> [What to produce]: Everything from the line that contains "#85=IFCINDEXEDPOLYGONALFACE((1,3,7,5));" to the end of the listing below, both ends included, is to be transcribed word for word, and nothing else.

> [Provided data]:
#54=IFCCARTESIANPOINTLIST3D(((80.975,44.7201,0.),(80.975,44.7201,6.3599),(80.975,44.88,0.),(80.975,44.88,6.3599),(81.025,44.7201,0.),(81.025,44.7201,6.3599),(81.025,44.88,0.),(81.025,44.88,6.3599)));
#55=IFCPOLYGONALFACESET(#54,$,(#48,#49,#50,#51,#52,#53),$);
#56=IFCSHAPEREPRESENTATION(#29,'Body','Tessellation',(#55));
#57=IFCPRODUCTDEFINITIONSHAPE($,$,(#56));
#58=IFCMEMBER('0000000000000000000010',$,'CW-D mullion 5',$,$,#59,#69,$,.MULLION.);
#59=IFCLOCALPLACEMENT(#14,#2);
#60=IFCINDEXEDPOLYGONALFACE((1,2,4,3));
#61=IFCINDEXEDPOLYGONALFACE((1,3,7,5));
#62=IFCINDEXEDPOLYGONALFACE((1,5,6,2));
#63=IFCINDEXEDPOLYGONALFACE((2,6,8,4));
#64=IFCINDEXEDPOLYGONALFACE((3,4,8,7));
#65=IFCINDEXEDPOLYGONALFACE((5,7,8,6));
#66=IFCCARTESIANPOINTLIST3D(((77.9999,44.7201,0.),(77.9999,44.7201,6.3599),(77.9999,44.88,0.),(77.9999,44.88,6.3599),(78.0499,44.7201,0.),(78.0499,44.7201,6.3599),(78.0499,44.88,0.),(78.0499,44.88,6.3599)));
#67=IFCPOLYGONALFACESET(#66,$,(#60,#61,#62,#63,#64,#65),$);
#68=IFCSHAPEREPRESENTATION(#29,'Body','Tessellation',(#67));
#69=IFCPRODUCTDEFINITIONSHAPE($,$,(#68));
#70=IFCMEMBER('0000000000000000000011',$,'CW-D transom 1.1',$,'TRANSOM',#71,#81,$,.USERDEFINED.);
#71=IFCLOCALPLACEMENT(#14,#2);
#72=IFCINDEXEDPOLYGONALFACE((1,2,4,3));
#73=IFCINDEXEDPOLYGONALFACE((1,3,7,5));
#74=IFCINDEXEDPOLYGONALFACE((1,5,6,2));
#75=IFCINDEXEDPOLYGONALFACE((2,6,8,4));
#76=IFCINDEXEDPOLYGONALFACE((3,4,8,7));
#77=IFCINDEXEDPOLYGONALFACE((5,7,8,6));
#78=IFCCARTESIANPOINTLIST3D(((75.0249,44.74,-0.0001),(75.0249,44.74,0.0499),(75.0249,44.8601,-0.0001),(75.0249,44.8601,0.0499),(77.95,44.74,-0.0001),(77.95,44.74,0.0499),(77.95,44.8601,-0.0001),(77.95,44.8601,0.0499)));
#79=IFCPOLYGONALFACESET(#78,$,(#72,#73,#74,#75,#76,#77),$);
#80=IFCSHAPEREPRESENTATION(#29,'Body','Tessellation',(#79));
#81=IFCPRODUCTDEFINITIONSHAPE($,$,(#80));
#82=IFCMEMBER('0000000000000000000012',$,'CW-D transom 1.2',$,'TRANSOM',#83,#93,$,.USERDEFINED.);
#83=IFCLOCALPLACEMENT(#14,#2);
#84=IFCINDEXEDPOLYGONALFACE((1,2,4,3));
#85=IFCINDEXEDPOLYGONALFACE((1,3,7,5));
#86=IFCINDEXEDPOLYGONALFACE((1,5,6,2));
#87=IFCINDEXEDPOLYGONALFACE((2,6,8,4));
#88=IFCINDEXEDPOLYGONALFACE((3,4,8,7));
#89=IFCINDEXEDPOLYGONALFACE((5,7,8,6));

> [Answer]:
#85=IFCINDEXEDPOLYGONALFACE((1,3,7,5));
#86=IFCINDEXEDPOLYGONALFACE((1,5,6,2));
#87=IFCINDEXEDPOLYGONALFACE((2,6,8,4));
#88=IFCINDEXEDPOLYGONALFACE((3,4,8,7));
#89=IFCINDEXEDPOLYGONALFACE((5,7,8,6));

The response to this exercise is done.